SUPPLIED DATA:
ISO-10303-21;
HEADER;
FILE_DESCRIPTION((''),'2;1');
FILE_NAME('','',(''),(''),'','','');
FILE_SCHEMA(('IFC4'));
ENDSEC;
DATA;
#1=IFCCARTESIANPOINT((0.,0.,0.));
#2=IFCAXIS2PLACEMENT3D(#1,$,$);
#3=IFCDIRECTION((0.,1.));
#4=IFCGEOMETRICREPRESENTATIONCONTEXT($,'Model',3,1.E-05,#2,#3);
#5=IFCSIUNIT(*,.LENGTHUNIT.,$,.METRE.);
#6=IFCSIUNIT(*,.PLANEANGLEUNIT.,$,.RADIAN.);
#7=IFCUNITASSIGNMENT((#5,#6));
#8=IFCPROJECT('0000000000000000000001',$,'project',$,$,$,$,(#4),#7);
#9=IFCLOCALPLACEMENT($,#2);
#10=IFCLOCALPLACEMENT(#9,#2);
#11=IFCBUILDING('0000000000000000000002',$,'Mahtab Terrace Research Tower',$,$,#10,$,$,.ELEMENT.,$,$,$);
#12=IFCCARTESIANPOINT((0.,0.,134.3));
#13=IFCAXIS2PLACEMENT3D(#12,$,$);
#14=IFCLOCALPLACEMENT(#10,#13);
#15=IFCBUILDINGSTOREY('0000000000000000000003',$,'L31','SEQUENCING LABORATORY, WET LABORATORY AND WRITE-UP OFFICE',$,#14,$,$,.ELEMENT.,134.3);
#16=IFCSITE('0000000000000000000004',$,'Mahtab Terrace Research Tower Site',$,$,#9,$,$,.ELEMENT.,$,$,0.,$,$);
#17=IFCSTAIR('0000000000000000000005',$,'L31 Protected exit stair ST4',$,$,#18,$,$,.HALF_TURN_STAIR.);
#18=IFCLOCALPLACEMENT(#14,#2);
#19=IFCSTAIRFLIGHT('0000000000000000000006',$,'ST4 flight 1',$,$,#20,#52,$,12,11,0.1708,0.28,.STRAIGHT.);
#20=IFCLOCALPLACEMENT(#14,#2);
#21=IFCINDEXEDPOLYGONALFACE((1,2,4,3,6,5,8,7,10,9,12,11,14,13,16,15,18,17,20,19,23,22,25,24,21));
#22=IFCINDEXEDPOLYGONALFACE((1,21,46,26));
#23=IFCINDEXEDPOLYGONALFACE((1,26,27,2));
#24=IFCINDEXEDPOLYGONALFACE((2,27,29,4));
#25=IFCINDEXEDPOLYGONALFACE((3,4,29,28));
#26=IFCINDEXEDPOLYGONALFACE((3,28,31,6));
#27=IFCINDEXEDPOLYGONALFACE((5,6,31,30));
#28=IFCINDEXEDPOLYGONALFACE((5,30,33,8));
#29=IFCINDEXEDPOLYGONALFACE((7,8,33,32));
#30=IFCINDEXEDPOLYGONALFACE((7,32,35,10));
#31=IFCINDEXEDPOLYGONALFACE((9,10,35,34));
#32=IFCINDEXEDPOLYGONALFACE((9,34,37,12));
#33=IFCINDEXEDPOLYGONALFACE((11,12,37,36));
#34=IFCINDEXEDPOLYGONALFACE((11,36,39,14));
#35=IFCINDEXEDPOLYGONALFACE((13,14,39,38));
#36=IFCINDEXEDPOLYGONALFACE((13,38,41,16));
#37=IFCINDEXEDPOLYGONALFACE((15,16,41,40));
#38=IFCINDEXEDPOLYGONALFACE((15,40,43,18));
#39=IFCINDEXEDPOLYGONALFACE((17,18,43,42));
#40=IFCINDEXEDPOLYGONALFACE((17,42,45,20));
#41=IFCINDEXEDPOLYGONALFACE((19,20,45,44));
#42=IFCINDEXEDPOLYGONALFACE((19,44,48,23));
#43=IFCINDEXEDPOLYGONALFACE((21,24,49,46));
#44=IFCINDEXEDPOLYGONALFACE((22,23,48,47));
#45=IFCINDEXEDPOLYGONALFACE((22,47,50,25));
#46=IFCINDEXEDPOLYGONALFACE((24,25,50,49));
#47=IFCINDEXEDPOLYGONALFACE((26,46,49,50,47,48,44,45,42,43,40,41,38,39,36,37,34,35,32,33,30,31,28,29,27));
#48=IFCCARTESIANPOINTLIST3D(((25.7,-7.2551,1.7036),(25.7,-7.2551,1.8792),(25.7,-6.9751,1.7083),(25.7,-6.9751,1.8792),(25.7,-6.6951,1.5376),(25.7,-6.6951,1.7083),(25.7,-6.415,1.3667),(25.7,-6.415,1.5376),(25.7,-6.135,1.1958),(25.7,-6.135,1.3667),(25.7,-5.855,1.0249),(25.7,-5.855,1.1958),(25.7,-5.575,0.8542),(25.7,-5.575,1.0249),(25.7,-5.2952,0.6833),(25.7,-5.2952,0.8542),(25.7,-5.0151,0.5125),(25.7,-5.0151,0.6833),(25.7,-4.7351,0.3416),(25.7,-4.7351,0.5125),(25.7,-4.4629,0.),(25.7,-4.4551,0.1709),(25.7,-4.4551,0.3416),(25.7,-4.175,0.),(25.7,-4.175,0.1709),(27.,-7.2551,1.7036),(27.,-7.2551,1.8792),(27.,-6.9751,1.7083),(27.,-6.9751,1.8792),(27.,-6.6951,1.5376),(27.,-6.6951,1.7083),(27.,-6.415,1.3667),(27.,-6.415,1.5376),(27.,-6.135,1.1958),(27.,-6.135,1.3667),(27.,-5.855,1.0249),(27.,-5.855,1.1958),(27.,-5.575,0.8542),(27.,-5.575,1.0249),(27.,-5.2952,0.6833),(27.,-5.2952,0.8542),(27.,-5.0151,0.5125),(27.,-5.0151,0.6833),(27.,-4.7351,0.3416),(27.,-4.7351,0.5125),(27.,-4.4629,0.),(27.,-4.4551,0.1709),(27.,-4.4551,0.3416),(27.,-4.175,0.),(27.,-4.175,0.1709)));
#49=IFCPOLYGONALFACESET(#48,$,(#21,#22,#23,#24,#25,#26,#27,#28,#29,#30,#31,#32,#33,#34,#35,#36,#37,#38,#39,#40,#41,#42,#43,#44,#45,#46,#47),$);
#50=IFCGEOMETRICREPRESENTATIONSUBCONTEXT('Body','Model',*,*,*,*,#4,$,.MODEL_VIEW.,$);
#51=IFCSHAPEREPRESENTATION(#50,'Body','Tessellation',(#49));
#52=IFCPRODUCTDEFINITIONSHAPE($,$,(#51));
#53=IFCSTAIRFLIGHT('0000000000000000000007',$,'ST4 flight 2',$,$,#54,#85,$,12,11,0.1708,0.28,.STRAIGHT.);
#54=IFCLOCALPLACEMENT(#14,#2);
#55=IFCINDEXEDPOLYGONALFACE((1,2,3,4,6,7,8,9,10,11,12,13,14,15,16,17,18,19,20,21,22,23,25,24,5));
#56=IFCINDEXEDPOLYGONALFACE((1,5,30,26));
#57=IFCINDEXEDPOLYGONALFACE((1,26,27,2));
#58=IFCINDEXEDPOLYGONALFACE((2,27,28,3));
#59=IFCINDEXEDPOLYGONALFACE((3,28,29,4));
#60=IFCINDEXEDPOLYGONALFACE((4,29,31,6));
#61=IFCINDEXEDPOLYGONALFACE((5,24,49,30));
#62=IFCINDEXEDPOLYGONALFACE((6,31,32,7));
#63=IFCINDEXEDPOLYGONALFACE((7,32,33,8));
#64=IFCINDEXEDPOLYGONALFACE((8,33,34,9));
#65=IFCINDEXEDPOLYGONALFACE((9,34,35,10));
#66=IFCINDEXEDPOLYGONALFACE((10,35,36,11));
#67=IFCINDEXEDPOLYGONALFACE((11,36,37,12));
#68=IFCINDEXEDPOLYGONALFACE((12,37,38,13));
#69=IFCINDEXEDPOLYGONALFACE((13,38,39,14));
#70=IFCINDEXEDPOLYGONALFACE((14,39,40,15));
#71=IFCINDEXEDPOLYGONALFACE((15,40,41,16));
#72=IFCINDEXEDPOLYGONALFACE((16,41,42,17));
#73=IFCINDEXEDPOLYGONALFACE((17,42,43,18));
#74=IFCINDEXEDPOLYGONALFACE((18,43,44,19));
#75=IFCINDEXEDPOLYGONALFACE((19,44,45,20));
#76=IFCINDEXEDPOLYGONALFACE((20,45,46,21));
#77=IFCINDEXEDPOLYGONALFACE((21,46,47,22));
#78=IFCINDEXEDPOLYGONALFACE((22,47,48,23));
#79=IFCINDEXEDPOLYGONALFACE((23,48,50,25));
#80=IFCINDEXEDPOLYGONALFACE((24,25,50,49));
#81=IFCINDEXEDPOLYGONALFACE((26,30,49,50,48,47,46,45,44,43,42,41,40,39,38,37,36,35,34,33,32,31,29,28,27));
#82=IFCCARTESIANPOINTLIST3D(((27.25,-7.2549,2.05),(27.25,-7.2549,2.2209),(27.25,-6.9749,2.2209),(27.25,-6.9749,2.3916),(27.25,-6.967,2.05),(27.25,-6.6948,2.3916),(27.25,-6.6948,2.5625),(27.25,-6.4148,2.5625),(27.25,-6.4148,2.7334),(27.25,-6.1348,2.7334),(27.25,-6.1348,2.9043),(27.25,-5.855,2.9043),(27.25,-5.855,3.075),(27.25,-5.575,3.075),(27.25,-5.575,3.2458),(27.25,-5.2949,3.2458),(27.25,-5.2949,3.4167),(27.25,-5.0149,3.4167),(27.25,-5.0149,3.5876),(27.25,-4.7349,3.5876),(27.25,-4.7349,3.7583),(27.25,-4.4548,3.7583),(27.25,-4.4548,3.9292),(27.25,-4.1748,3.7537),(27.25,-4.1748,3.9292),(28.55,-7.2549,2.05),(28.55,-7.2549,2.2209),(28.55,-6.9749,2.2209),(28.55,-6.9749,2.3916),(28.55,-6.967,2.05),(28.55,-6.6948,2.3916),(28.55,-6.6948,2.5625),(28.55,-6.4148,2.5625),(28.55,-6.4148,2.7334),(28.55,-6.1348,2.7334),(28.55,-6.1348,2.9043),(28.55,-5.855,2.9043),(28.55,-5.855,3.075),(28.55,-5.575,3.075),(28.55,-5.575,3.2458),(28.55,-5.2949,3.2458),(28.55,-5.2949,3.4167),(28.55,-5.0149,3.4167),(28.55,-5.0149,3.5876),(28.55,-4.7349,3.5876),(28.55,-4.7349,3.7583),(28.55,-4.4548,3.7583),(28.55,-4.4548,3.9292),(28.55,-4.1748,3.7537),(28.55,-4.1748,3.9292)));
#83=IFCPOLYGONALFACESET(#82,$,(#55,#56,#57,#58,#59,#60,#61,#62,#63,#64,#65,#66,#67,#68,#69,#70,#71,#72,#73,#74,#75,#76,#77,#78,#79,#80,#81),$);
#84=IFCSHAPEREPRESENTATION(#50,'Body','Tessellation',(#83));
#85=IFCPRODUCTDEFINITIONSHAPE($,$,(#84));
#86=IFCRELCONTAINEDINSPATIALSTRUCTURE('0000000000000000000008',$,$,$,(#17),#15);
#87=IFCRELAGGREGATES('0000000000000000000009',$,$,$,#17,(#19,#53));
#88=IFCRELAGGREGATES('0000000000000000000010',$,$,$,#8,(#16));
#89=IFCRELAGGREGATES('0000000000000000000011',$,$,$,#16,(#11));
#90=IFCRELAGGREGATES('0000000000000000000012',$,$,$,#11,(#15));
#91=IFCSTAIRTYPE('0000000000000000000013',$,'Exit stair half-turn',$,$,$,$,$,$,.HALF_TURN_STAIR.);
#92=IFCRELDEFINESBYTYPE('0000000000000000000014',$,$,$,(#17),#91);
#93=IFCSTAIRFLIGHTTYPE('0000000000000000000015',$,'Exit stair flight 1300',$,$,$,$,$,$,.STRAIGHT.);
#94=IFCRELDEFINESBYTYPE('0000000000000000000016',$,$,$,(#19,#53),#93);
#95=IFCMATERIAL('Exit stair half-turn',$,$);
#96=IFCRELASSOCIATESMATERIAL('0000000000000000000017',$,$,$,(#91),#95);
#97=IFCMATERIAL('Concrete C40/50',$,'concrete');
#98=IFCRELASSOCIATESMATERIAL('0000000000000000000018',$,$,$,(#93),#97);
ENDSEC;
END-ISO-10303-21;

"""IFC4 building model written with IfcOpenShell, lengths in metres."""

from ifc_helpers import new_model, si_unit, direction, frame, origin, place, context, subcontext, project, spatial, polyline, outline, extrude, material, type_object, element, aggregate, save


model = new_model("IFC4")

# Units and contexts
model_context = context("Model", 3, precision=1e-05, world=origin(), true_north=direction((0.0, 1.0)))
body_context = subcontext(model_context, "Body", "Model", "MODEL_VIEW")
ifc_project = project(units=[si_unit("LENGTHUNIT", "METRE"), si_unit("PLANEANGLEUNIT", "RADIAN")], contexts=[model_context])

# Site, building, storey
site_placement = place(None, origin())
site = spatial("IfcSite", under=ifc_project, at=site_placement, Name="Mahtab Terrace Research Tower Site", CompositionType="ELEMENT", RefElevation=0.0)
building_placement = place(site_placement, origin())
building = spatial("IfcBuilding", under=site, at=building_placement, Name="Mahtab Terrace Research Tower", CompositionType="ELEMENT")
storey_placement = place(building_placement, frame((0.0, 0.0, 134.3)))
storey = spatial("IfcBuildingStorey", under=building, at=storey_placement, Name="L31", Description="SEQUENCING LABORATORY, WET LABORATORY AND WRITE-UP OFFICE", CompositionType="ELEMENT", Elevation=134.3)

# Stair, stair flights
ifc_material_1 = material(Name="Exit stair half-turn")
stair_type = type_object("IfcStairType", Name="Exit stair half-turn", PredefinedType="HALF_TURN_STAIR", material=ifc_material_1)
stair_placement = place(storey_placement, origin())
stair = element("IfcStair", 1, at=stair_placement, inside=storey, type_object=stair_type, Name="L31 Protected exit stair ST4", PredefinedType="HALF_TURN_STAIR")
ifc_material_2 = material(Name="Concrete C40/50", Category="concrete")
stair_flight_type = type_object("IfcStairFlightType", Name="Exit stair flight 1300", PredefinedType="STRAIGHT", material=ifc_material_2)
stair_flight_1_placement = place(storey_placement, frame((26.3501, -4.175, 0.0), z_axis=(0.0, 0.0, 1.0), x_axis=(0.0, -1.0, 0.0)))
stair_flight_1 = element("IfcStairFlight", 2, at=stair_flight_1_placement, type_object=stair_flight_type, Name="ST4 flight 1", NumberOfRisers=12, NumberOfTreads=11, PredefinedType="STRAIGHT", RiserHeight=0.1708, TreadLength=0.28, context=body_context, shape_type="SweptSolid", body=[
    extrude(outline(polyline([(0.0, 0.0), (0.0, 0.1709), (0.28, 0.1709), (0.28, 0.3416), (0.5601, 0.3416), (0.5601, 0.5125), (0.8401, 0.5125), (0.8401, 0.6833), (1.1201, 0.6833), (1.1201, 0.8542), (1.3999, 0.8542), (1.3999, 1.0249), (1.6799, 1.0249), (1.6799, 1.1958), (1.96, 1.1958), (1.96, 1.3667), (2.24, 1.3667), (2.24, 1.5376), (2.52, 1.5376), (2.52, 1.7083), (2.8, 1.7083), (2.8, 1.8792), (3.0801, 1.8792), (3.0801, 2.05), (3.0801, 1.7036), (0.2878, 0.0), (0.0, 0.0)])), frame((0.0, 0.6499, 0.0), z_axis=(0.0, -1.0, 0.0), x_axis=(1.0, 0.0, 0.0)), (0.0, 0.0, 1.0), 1.3),
])
stair_flight_2_placement = place(storey_placement, frame((27.8999, -7.2549, 2.05), z_axis=(0.0, 0.0, 1.0), x_axis=(0.0, 1.0, 0.0)))
stair_flight_2 = element("IfcStairFlight", 3, at=stair_flight_2_placement, type_object=stair_flight_type, Name="ST4 flight 2", NumberOfRisers=12, NumberOfTreads=11, PredefinedType="STRAIGHT", RiserHeight=0.1708, TreadLength=0.28, context=body_context, shape_type="SweptSolid", body=[
    extrude(outline(polyline([(0.0, 0.0), (0.0, 0.1709), (0.28, 0.1709), (0.28, 0.3416), (0.5601, 0.3416), (0.5601, 0.5125), (0.8401, 0.5125), (0.8401, 0.6833), (1.1201, 0.6833), (1.1201, 0.8542), (1.3999, 0.8542), (1.3999, 1.0249), (1.6799, 1.0249), (1.6799, 1.1958), (1.96, 1.1958), (1.96, 1.3667), (2.24, 1.3667), (2.24, 1.5376), (2.52, 1.5376), (2.52, 1.7083), (2.8, 1.7083), (2.8, 1.8792), (3.0801, 1.8792), (3.0801, 2.05), (3.0801, 1.7036), (0.2878, 0.0), (0.0, 0.0)])), frame((0.0, 0.6499, 0.0), z_axis=(0.0, -1.0, 0.0), x_axis=(1.0, 0.0, 0.0)), (0.0, 0.0, 1.0), 1.3),
])
aggregate(stair, [stair_flight_1, stair_flight_2])

save(model, "model.ifc")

EXERCISE OBJECTIVE: Respond with one number, the count of lines in the data that hold the string "IFCSHAPEREPRESENTATION".

EXPECTED OUTPUT: 2